PROBLEM REQUIREMENTS: I need every line of the material below that includes the string "frame".

MATERIAL SUPPLIED:
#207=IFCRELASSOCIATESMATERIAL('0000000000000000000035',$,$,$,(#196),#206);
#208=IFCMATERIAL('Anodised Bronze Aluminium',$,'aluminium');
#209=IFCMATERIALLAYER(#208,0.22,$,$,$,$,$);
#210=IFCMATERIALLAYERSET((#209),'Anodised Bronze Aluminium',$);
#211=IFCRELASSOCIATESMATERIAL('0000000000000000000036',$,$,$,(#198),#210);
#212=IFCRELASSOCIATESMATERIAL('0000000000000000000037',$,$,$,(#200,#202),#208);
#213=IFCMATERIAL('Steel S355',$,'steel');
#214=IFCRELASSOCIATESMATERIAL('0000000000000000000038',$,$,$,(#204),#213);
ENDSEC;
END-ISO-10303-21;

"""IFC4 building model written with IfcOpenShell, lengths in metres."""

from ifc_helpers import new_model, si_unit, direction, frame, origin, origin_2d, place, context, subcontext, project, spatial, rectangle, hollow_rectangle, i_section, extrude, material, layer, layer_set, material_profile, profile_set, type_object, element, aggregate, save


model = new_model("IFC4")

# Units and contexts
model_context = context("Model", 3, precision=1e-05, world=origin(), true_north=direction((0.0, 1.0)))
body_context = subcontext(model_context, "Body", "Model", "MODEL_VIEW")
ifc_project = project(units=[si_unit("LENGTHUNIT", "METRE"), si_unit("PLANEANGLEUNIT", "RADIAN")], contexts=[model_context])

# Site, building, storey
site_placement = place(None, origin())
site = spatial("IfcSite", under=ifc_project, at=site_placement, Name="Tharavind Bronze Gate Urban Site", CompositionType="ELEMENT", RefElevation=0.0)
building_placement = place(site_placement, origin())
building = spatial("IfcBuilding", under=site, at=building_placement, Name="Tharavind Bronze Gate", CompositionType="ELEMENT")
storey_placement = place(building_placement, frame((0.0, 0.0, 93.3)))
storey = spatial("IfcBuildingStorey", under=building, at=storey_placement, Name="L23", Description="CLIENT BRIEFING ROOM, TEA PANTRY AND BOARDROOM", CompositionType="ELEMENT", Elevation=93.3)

TASK RESPONSE:
from ifc_helpers import new_model, si_unit, direction, frame, origin, origin_2d, place, context, subcontext, project, spatial, rectangle, hollow_rectangle, i_section, extrude, material, layer, layer_set, material_profile, profile_set, type_object, element, aggregate, save
storey_placement = place(building_placement, frame((0.0, 0.0, 93.3)))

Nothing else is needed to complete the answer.